● PROBLEM DESCRIPTION
Take the material below and restate it word for word, stopping after the line in which "#169=IFCPRODUCTDEFINITIONSHAPE($,$,(#168));" occurs.

= = =

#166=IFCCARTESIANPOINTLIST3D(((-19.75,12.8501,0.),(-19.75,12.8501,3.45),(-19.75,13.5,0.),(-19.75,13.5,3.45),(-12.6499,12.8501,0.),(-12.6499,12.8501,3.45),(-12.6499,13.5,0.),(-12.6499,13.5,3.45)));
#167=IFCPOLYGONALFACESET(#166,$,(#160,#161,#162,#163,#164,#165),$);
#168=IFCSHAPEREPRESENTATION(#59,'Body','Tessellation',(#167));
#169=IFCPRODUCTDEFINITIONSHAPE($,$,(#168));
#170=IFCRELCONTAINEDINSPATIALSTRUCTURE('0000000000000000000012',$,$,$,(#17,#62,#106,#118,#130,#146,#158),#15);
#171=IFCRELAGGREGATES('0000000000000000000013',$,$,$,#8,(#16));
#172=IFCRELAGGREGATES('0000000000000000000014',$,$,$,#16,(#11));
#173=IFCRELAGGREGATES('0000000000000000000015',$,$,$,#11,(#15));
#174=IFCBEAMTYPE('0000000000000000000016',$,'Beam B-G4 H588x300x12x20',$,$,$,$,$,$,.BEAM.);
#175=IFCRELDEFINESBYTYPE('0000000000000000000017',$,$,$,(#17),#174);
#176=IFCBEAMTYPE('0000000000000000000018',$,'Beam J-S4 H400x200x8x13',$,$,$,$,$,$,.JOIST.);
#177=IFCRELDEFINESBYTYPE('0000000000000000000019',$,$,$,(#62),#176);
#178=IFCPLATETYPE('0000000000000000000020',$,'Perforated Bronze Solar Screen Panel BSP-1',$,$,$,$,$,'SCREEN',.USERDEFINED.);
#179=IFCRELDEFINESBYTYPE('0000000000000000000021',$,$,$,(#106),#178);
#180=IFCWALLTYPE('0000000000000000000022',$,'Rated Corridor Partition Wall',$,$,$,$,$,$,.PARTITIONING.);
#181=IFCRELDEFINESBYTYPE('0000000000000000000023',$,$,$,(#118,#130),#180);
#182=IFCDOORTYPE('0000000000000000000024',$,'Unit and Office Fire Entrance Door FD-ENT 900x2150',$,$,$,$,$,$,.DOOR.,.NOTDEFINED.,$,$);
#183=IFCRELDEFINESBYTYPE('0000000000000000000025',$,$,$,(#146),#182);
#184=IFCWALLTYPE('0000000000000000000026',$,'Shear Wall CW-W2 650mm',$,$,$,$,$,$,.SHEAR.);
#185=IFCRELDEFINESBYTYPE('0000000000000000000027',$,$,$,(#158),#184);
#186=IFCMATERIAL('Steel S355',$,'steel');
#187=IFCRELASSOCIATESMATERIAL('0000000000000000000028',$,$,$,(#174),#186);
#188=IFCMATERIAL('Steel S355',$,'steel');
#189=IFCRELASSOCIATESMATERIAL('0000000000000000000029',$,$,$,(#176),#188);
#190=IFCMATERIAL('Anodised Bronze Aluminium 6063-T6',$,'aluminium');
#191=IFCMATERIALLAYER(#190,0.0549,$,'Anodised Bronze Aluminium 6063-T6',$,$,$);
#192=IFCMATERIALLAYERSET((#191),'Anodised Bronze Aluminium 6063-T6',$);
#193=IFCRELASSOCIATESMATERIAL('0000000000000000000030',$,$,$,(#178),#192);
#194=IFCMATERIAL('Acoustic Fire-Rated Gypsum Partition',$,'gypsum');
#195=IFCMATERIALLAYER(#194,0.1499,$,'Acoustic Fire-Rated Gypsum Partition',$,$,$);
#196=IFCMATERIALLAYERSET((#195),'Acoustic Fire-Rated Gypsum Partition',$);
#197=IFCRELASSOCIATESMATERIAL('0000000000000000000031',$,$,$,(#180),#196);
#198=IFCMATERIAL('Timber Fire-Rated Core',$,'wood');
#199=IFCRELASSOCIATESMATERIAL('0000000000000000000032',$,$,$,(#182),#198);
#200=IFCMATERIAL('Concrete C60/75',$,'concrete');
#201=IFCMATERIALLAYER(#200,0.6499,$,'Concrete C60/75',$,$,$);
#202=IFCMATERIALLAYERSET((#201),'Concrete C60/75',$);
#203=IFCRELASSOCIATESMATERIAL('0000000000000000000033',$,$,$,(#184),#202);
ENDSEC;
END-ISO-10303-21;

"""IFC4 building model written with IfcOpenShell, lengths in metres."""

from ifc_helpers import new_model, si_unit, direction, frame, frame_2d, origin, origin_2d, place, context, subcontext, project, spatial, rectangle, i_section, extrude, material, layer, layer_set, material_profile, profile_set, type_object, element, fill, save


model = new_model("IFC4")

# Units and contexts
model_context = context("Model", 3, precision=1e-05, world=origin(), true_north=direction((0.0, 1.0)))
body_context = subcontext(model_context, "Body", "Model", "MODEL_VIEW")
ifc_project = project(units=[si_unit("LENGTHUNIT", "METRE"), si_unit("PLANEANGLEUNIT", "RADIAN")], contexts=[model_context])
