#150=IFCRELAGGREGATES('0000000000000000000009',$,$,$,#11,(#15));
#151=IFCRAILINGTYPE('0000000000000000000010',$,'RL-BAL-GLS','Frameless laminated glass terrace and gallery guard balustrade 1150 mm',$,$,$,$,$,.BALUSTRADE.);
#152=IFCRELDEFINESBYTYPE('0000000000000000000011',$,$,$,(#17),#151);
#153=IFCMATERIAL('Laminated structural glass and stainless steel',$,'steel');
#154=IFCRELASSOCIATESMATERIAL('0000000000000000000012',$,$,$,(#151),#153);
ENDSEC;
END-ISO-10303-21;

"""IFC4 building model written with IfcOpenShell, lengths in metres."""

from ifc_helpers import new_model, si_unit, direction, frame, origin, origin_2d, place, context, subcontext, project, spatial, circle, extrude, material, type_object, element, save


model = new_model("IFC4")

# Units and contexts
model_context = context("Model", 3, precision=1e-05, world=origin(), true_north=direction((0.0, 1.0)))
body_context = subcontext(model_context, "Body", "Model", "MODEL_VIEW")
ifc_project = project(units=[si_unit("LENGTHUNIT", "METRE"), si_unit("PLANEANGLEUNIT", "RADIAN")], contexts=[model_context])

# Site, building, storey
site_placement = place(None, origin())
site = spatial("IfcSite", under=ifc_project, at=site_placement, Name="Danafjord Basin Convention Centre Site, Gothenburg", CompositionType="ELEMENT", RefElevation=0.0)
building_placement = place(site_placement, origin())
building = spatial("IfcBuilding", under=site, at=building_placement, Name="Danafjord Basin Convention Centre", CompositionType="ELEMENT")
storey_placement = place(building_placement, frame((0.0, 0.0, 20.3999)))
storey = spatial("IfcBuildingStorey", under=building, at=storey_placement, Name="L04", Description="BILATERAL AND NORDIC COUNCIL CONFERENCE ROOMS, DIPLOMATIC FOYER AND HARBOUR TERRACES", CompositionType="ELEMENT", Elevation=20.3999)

= = =

● RESULT BELOW
#166=IFCCARTESIANPOINTLIST3D(((-19.75,12.8501,0.),(-19.75,12.8501,3.45),(-19.75,13.5,0.),(-19.75,13.5,3.45),(-12.6499,12.8501,0.),(-12.6499,12.8501,3.45),(-12.6499,13.5,0.),(-12.6499,13.5,3.45)));
#167=IFCPOLYGONALFACESET(#166,$,(#160,#161,#162,#163,#164,#165),$);
#168=IFCSHAPEREPRESENTATION(#59,'Body','Tessellation',(#167));
#169=IFCPRODUCTDEFINITIONSHAPE($,$,(#168));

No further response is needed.